(Data items)
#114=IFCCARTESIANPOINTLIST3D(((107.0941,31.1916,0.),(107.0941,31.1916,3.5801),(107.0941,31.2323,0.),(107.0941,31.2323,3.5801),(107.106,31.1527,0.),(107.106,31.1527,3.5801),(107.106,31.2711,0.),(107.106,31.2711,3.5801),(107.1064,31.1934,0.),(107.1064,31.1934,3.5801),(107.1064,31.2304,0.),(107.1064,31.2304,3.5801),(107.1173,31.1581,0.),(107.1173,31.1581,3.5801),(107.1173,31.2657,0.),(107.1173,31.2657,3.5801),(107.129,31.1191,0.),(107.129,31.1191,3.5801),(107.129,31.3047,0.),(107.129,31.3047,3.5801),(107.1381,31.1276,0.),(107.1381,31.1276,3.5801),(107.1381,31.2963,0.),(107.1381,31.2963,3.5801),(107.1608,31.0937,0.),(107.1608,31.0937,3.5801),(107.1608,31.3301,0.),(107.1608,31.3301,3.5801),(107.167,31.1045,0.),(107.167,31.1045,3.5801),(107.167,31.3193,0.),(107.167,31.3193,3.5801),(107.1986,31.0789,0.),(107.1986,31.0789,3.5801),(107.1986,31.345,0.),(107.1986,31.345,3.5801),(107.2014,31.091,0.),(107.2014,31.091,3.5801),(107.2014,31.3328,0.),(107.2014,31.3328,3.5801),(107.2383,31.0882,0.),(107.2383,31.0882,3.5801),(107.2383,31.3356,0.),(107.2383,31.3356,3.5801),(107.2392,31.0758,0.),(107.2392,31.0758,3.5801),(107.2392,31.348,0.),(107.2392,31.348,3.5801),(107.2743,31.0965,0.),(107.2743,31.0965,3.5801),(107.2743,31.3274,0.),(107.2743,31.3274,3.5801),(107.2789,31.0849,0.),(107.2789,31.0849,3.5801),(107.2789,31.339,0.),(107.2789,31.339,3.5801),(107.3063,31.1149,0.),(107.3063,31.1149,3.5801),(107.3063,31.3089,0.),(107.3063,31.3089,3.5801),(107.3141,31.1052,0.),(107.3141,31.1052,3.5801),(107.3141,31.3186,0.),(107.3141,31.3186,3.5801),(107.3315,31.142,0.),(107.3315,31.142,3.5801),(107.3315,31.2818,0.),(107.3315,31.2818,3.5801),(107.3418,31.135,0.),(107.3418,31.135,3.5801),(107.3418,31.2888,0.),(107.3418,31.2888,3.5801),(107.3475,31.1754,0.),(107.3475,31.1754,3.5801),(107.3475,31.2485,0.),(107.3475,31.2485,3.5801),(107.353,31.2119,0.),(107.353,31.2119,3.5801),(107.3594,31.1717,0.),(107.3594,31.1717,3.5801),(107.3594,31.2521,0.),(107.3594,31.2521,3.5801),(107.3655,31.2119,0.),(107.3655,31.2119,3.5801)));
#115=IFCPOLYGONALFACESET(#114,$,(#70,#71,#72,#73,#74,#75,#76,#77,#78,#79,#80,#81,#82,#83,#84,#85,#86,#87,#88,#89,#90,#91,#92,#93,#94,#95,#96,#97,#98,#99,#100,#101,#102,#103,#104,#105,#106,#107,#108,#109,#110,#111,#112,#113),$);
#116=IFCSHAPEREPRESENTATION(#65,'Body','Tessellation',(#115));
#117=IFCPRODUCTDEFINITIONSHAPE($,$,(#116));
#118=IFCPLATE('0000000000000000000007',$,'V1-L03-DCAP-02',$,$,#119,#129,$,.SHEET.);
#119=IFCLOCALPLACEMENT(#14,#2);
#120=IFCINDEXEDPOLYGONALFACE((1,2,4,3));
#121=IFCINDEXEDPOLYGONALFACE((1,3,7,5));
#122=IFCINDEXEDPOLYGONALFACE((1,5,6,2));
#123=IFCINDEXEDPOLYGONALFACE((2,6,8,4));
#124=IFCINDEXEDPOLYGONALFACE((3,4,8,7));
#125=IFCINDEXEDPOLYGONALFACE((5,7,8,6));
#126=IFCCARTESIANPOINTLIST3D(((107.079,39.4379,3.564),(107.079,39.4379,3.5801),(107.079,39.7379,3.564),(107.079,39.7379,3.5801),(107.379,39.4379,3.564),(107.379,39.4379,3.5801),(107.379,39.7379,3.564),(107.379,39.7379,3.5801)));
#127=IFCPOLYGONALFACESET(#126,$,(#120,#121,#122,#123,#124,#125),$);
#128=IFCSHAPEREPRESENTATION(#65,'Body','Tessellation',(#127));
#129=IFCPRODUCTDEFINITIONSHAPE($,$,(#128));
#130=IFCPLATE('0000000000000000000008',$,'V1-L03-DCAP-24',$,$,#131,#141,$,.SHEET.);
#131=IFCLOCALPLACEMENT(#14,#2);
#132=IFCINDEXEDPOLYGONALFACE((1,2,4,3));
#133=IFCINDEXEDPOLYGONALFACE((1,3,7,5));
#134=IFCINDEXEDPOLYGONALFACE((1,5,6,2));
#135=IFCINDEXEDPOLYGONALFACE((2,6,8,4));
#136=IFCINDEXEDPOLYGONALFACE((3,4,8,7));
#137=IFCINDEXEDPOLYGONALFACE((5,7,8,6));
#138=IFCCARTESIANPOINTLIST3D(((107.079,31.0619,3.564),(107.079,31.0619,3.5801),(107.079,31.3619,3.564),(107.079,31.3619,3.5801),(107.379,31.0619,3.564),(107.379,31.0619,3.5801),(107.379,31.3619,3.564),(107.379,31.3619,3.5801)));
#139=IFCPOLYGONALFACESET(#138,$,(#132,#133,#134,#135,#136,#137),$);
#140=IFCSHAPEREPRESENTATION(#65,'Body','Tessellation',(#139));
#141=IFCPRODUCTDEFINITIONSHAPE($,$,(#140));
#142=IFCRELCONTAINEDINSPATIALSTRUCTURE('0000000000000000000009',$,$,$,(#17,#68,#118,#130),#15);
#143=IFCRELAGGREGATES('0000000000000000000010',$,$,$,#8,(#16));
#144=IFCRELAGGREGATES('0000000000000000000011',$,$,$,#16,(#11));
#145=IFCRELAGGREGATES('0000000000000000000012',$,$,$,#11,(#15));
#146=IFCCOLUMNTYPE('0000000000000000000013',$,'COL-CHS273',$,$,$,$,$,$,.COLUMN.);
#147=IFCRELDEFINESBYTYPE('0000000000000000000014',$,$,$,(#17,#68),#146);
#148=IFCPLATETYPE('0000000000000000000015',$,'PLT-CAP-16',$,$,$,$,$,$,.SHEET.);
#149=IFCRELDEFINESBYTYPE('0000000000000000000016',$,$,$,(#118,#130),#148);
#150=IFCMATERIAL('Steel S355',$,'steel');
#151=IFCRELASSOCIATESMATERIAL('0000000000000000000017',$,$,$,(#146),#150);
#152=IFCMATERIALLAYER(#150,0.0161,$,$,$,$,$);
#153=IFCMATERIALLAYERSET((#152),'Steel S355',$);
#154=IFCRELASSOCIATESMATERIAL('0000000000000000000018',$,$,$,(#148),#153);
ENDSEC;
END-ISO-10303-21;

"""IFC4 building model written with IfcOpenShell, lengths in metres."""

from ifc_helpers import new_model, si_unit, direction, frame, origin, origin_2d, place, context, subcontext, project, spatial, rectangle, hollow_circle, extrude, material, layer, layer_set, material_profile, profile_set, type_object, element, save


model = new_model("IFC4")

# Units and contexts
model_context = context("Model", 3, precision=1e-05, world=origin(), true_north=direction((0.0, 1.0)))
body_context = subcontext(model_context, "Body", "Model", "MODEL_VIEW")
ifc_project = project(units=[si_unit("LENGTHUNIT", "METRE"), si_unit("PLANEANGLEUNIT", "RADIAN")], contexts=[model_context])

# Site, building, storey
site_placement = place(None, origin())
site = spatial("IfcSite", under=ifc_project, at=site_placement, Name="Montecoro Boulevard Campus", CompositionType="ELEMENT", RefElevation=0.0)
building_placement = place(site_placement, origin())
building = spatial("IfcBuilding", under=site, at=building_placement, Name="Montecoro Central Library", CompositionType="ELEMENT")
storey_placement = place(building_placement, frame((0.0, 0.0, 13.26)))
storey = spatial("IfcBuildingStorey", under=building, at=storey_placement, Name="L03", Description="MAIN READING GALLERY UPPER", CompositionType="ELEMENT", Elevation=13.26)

## What to work on
Each line above with the word "IFCRELDEFINESBYTYPE" needs to be copied.

## Written reply
#147=IFCRELDEFINESBYTYPE('0000000000000000000014',$,$,$,(#17,#68),#146);
#149=IFCRELDEFINESBYTYPE('0000000000000000000016',$,$,$,(#118,#130),#148);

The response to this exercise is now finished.